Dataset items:
☆ ☆ ☆

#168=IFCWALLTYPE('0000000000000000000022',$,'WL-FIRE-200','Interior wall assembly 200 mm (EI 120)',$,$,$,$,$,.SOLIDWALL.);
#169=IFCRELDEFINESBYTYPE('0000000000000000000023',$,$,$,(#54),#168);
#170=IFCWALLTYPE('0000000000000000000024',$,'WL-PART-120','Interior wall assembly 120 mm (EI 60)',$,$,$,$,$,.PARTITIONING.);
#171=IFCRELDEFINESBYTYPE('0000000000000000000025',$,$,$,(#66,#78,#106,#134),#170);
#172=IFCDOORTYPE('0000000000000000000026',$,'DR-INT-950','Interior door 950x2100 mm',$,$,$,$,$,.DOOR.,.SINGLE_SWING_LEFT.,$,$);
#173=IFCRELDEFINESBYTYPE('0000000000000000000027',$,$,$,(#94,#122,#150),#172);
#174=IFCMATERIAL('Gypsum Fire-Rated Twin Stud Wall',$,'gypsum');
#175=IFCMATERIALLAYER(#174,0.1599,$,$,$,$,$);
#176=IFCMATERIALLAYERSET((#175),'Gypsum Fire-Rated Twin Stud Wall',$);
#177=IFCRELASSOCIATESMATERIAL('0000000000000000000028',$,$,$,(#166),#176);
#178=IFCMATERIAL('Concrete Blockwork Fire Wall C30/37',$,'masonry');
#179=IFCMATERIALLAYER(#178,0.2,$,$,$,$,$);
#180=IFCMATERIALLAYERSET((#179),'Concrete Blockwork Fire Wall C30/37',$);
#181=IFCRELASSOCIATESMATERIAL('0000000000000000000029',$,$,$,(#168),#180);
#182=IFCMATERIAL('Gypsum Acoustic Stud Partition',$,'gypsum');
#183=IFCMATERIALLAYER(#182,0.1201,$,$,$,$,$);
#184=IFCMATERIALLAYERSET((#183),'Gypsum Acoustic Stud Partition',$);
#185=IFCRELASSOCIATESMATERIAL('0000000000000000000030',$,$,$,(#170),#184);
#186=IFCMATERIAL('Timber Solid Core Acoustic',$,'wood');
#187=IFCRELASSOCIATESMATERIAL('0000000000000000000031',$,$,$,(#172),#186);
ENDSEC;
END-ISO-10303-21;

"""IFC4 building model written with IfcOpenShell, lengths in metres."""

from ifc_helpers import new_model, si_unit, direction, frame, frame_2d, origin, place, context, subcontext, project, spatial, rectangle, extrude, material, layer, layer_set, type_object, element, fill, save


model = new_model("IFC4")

☆ ☆ ☆

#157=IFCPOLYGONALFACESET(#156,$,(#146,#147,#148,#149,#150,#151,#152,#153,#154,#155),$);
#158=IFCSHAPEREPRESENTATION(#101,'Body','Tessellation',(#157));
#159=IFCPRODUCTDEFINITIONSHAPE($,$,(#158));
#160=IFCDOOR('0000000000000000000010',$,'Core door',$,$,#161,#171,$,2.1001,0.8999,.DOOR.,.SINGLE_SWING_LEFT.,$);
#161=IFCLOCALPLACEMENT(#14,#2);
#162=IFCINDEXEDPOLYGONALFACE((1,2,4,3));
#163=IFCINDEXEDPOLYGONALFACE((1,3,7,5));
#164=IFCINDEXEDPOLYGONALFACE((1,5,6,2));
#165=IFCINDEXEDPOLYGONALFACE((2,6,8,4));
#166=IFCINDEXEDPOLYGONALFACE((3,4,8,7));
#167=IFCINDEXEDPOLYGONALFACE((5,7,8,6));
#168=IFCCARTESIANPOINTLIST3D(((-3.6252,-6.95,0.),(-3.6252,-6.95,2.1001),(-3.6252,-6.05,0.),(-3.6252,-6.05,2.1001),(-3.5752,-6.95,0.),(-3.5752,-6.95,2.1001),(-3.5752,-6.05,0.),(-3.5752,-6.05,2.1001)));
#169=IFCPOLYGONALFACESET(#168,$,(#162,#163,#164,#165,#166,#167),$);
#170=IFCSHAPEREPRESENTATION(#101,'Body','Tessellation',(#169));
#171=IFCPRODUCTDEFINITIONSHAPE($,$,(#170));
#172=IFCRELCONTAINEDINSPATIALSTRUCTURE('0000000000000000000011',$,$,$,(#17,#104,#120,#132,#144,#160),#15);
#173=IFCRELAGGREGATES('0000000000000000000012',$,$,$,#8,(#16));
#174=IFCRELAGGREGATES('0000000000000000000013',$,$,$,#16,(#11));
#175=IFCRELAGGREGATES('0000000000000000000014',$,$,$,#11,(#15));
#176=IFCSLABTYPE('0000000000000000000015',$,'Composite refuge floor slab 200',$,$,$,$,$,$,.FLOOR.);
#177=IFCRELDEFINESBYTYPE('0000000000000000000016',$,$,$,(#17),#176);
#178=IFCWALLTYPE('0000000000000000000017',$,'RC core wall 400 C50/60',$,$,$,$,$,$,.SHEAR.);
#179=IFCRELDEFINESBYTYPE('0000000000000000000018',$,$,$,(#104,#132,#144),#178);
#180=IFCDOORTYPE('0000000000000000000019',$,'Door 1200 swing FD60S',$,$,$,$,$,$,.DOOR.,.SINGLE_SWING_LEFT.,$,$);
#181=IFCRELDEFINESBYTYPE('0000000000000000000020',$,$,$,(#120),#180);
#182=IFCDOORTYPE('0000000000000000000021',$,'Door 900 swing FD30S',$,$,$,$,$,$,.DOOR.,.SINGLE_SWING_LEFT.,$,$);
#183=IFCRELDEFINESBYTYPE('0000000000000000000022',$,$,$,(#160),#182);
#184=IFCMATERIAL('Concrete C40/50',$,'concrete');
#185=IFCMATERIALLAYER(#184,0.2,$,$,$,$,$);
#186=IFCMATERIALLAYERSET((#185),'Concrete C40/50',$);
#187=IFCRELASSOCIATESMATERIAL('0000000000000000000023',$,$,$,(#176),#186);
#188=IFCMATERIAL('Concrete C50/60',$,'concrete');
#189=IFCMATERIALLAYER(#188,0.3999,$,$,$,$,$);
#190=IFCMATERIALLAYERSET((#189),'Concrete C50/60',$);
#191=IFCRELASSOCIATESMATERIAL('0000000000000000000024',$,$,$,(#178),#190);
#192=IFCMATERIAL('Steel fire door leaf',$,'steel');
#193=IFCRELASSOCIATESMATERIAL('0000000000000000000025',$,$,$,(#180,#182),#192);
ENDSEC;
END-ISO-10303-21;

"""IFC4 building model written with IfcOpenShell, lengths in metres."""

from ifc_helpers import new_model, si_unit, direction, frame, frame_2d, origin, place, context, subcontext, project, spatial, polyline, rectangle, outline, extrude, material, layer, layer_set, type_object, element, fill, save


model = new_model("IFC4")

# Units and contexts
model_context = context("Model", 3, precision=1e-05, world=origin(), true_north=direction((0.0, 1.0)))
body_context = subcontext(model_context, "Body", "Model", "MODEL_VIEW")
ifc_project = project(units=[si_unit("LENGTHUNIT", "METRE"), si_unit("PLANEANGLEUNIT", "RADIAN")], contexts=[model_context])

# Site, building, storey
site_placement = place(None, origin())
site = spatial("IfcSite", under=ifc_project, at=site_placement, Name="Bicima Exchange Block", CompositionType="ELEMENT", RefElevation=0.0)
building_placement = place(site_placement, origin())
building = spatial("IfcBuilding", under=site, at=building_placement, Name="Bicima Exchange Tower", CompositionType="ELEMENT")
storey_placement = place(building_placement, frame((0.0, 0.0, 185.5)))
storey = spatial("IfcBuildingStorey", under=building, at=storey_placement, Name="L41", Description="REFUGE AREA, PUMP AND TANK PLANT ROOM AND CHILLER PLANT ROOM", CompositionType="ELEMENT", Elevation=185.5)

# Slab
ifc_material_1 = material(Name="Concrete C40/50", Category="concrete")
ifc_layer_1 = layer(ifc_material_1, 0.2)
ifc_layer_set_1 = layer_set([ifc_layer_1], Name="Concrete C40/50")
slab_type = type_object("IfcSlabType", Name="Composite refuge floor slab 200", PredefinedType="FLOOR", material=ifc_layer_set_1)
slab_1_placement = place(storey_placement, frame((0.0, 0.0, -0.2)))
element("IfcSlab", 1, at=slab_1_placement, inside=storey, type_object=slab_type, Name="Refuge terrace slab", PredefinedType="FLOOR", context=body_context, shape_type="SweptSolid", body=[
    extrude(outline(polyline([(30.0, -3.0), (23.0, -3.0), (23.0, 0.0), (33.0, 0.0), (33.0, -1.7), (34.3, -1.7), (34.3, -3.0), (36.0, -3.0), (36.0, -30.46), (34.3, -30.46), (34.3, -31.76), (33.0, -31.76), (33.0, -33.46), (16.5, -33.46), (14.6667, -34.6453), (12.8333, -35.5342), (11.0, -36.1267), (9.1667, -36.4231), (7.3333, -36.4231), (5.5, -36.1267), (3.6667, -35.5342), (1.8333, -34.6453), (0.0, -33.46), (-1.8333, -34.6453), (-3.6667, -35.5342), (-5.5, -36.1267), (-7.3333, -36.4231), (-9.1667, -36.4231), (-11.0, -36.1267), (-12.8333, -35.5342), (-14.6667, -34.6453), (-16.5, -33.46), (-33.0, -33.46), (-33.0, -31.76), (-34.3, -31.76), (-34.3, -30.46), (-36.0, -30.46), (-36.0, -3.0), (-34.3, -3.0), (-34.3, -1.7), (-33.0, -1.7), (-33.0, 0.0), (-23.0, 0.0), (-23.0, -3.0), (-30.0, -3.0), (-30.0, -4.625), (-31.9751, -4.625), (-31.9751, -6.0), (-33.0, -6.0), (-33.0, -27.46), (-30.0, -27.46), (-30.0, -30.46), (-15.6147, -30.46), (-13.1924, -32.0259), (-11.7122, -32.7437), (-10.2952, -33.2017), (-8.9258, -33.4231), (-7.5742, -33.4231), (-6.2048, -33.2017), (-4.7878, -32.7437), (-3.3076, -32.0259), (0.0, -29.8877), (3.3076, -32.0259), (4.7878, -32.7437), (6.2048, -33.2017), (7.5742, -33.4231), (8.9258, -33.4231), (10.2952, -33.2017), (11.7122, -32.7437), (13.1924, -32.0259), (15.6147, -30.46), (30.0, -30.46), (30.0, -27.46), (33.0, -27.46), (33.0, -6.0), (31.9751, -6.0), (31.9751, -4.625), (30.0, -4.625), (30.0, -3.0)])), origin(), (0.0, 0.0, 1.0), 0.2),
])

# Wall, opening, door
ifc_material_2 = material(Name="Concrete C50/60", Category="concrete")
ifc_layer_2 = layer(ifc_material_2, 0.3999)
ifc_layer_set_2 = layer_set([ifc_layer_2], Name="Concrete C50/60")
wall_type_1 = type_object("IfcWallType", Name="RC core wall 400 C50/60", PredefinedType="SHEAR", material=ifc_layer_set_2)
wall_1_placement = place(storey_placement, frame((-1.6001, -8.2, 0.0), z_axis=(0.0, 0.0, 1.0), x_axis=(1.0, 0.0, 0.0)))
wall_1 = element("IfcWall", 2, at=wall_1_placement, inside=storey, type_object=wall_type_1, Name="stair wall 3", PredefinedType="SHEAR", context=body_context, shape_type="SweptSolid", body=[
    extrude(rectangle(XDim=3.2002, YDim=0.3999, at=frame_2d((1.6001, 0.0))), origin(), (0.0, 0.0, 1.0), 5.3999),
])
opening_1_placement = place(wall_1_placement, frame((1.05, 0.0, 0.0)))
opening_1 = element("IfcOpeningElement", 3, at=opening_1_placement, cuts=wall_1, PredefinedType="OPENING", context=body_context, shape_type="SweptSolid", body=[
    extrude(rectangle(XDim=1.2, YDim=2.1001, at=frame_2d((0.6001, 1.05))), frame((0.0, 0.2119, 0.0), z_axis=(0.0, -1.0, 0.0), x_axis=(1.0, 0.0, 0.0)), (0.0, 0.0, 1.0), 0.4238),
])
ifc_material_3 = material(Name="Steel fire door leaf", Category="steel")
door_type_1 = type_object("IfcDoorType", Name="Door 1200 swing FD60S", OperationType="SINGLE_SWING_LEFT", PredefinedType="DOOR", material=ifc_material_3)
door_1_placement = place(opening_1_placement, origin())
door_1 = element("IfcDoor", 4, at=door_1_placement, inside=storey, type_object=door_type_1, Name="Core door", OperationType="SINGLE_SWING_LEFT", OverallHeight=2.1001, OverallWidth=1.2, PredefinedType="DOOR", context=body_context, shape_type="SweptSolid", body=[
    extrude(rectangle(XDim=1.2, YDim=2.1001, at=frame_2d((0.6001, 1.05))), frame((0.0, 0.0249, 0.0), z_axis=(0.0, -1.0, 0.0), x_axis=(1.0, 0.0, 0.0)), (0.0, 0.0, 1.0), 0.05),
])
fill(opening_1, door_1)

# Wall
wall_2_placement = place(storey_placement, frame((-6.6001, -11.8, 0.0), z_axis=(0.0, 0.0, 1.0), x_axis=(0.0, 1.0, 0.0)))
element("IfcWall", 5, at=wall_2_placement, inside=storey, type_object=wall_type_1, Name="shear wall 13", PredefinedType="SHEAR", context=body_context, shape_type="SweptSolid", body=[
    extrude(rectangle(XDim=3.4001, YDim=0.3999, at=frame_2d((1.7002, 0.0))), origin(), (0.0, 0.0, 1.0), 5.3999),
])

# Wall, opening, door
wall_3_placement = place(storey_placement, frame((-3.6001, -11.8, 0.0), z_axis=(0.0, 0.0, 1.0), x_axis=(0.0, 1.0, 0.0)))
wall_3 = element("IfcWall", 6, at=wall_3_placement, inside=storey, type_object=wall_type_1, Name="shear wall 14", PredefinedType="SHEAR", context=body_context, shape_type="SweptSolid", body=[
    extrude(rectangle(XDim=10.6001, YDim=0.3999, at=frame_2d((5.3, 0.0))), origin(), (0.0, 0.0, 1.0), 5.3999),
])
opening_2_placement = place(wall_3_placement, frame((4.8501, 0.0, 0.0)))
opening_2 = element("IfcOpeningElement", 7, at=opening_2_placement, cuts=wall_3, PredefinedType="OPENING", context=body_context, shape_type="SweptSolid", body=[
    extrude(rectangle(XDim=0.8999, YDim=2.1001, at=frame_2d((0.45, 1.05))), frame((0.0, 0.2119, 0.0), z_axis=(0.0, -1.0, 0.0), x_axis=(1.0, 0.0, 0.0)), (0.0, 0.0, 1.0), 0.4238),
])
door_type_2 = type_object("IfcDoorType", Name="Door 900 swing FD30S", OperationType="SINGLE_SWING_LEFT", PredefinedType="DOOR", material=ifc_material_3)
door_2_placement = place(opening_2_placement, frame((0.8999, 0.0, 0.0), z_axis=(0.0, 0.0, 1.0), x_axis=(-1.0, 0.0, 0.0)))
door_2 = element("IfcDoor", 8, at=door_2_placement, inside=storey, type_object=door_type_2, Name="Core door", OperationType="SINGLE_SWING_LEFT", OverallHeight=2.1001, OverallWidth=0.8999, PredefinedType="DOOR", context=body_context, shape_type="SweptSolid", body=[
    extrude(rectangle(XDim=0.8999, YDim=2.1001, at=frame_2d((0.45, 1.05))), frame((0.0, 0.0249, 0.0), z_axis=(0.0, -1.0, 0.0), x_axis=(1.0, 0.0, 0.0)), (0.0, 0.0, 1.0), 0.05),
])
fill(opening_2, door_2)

☆ ☆ ☆

* [Exercise directions] Using the data above, reproduce exactly the lines between those holding "#182=IFCDOORTYPE('0000000000000000000021',$,'Door 900 swing" and "#186=IFCMATERIALLAYERSET((#185),'Concrete C40/50',$);", inclusive, and no others.

* [Result]
#182=IFCDOORTYPE('0000000000000000000021',$,'Door 900 swing FD30S',$,$,$,$,$,$,.DOOR.,.SINGLE_SWING_LEFT.,$,$);
#183=IFCRELDEFINESBYTYPE('0000000000000000000022',$,$,$,(#160),#182);
#184=IFCMATERIAL('Concrete C40/50',$,'concrete');
#185=IFCMATERIALLAYER(#184,0.2,$,$,$,$,$);
#186=IFCMATERIALLAYERSET((#185),'Concrete C40/50',$);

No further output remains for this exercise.